■ **Data for processing**:
[Start of section]

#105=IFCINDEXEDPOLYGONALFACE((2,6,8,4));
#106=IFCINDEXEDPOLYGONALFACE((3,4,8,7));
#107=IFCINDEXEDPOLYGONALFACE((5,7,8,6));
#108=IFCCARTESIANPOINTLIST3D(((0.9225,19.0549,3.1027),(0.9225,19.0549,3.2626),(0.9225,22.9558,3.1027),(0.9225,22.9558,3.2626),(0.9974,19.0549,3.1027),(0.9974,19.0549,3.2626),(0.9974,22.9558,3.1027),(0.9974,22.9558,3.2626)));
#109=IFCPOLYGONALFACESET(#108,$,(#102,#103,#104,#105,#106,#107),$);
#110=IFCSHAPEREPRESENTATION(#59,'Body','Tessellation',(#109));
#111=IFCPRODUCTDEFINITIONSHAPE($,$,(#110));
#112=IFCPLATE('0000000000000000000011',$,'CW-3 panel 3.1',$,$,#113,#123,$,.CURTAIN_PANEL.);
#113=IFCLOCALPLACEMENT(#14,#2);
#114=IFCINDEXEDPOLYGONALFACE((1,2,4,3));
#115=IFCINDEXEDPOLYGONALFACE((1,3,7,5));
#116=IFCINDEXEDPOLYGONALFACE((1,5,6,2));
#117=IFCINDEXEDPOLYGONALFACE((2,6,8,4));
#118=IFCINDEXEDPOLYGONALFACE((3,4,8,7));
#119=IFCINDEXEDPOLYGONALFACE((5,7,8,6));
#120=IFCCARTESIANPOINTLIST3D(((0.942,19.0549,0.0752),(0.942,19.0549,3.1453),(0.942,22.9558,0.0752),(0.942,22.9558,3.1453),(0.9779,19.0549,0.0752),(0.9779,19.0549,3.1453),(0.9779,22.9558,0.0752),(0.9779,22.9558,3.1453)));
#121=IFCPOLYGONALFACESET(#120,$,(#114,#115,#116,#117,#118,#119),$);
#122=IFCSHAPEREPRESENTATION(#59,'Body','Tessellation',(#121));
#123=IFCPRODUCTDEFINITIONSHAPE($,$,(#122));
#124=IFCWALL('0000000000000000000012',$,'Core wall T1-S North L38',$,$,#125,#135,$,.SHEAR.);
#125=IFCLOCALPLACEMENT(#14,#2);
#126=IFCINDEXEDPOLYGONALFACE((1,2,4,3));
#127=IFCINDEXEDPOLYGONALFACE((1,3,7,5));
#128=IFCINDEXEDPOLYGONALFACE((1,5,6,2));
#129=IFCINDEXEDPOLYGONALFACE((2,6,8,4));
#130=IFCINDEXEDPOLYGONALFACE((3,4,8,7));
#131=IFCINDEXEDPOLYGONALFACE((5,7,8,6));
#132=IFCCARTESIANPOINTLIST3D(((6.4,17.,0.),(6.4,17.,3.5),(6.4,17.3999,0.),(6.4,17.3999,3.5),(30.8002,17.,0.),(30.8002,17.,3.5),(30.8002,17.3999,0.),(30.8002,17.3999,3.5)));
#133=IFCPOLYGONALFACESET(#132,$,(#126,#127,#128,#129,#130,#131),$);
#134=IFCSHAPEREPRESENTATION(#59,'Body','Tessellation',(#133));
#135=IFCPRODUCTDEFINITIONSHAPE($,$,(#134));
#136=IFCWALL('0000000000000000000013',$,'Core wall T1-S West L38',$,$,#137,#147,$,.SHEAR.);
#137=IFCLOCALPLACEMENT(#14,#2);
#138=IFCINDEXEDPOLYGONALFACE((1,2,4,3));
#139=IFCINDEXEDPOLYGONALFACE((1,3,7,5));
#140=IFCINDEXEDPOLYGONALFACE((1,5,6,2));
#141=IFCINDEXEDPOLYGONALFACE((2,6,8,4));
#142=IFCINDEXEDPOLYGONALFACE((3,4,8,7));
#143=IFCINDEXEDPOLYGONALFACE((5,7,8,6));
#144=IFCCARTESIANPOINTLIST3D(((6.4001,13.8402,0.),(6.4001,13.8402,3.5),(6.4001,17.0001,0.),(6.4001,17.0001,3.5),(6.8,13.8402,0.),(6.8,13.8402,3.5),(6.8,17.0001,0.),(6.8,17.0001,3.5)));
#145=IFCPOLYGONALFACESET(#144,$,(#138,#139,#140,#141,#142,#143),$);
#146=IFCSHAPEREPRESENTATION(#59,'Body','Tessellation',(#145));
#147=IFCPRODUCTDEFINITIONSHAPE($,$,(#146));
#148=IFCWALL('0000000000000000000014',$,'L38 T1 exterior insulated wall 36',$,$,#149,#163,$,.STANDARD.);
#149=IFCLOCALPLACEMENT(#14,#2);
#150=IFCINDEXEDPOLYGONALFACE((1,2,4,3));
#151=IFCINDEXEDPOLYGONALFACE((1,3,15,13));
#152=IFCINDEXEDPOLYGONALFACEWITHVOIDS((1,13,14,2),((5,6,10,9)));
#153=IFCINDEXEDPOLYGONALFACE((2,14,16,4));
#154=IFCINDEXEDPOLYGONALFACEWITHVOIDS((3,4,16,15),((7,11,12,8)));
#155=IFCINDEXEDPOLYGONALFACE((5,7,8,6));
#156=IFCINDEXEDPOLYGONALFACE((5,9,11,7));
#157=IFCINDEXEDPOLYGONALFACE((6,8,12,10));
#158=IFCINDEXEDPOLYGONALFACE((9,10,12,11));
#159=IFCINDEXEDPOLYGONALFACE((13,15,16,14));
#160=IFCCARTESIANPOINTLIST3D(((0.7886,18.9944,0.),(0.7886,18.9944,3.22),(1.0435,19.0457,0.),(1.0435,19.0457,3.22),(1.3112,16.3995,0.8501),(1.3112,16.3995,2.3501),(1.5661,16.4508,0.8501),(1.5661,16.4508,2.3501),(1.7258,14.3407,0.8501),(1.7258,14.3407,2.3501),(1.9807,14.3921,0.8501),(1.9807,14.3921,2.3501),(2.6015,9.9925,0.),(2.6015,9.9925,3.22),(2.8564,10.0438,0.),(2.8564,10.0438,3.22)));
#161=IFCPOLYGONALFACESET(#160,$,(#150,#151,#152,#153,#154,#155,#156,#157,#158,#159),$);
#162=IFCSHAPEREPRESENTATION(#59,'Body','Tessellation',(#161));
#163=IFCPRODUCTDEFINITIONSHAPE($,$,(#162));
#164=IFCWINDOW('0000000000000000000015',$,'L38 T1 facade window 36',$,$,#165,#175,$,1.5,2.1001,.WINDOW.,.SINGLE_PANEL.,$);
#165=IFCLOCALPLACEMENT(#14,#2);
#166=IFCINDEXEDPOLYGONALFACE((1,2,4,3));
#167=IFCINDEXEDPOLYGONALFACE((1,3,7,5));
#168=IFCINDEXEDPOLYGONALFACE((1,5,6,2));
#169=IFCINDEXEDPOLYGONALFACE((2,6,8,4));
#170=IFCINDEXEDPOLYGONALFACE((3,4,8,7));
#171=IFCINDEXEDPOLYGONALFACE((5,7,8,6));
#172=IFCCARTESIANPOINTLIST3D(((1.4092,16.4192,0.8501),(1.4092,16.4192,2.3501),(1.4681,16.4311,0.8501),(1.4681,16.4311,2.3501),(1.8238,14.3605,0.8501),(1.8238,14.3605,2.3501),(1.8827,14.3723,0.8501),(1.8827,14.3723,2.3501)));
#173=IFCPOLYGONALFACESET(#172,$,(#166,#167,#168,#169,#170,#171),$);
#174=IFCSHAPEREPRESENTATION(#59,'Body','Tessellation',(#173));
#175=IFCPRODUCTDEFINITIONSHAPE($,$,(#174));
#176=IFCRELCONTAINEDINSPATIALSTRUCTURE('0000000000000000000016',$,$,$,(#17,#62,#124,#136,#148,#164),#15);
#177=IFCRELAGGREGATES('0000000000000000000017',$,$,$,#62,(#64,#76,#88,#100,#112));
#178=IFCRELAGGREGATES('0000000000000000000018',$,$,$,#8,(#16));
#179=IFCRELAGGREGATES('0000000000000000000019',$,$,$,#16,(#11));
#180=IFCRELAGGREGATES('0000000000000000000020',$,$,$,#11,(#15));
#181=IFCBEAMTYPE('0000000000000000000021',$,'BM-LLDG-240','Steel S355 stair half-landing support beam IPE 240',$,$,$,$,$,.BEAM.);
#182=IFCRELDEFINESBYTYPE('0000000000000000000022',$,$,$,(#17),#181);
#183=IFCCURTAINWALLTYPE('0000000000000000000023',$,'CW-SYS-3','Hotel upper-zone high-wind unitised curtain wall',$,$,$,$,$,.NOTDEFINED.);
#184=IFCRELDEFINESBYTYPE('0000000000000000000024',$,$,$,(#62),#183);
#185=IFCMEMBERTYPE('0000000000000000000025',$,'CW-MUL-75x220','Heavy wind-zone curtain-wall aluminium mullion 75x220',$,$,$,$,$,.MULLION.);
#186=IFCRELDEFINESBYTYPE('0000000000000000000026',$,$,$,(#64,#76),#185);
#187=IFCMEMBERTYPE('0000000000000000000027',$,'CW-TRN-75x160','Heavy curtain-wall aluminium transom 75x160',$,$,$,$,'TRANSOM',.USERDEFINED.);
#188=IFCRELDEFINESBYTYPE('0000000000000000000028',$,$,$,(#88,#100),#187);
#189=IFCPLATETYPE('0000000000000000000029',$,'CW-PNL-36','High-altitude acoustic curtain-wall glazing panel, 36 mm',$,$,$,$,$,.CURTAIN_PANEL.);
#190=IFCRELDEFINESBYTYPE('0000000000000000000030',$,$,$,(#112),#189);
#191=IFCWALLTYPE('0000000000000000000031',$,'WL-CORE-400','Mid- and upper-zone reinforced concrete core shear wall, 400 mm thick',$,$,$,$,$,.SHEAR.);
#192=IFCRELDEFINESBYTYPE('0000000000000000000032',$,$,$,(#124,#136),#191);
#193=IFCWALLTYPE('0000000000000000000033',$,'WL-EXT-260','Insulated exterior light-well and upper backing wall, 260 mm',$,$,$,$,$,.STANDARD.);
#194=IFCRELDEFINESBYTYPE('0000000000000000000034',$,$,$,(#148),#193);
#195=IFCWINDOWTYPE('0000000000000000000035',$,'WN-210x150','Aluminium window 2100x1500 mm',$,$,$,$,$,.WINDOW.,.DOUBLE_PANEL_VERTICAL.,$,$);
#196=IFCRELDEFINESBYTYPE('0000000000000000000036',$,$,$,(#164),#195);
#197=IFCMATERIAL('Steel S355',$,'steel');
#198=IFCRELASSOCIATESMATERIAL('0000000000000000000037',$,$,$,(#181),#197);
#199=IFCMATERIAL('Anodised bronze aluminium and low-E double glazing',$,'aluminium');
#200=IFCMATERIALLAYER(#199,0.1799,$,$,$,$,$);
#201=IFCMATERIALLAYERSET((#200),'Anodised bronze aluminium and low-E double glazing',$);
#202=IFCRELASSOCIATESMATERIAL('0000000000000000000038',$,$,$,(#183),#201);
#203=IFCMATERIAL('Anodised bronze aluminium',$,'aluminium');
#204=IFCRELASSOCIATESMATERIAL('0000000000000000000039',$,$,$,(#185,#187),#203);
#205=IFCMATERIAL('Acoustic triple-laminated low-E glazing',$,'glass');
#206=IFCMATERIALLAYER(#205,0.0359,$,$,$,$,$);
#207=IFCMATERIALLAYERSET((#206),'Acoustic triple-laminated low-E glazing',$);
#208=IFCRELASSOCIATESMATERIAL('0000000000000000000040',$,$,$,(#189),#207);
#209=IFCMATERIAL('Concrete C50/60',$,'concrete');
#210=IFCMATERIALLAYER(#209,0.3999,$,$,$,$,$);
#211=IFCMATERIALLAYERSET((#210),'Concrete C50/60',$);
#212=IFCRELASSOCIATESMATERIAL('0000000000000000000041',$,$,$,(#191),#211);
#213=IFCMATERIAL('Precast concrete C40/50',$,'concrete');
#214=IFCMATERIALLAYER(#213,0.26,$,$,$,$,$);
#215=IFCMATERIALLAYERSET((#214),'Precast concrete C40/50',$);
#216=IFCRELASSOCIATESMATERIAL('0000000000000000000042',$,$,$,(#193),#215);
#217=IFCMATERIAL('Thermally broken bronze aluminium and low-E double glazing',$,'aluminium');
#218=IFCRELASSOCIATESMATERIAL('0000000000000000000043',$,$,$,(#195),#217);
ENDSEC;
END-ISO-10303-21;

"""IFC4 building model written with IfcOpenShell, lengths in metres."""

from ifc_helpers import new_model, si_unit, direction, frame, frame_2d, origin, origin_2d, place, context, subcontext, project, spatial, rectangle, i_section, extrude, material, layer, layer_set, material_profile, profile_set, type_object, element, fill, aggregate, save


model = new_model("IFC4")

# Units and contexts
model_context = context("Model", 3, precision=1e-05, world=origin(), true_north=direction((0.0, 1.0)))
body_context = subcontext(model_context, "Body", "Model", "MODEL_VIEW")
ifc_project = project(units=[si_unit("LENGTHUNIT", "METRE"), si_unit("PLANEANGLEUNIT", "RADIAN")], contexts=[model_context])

[End of section]

■ **Work required**:
Find the lines above that hold "IFCMATERIALLAYERSET", then copy each of them.

■ **Written answer**:
#201=IFCMATERIALLAYERSET((#200),'Anodised bronze aluminium and low-E double glazing',$);
#207=IFCMATERIALLAYERSET((#206),'Acoustic triple-laminated low-E glazing',$);
#211=IFCMATERIALLAYERSET((#210),'Concrete C50/60',$);
#215=IFCMATERIALLAYERSET((#214),'Precast concrete C40/50',$);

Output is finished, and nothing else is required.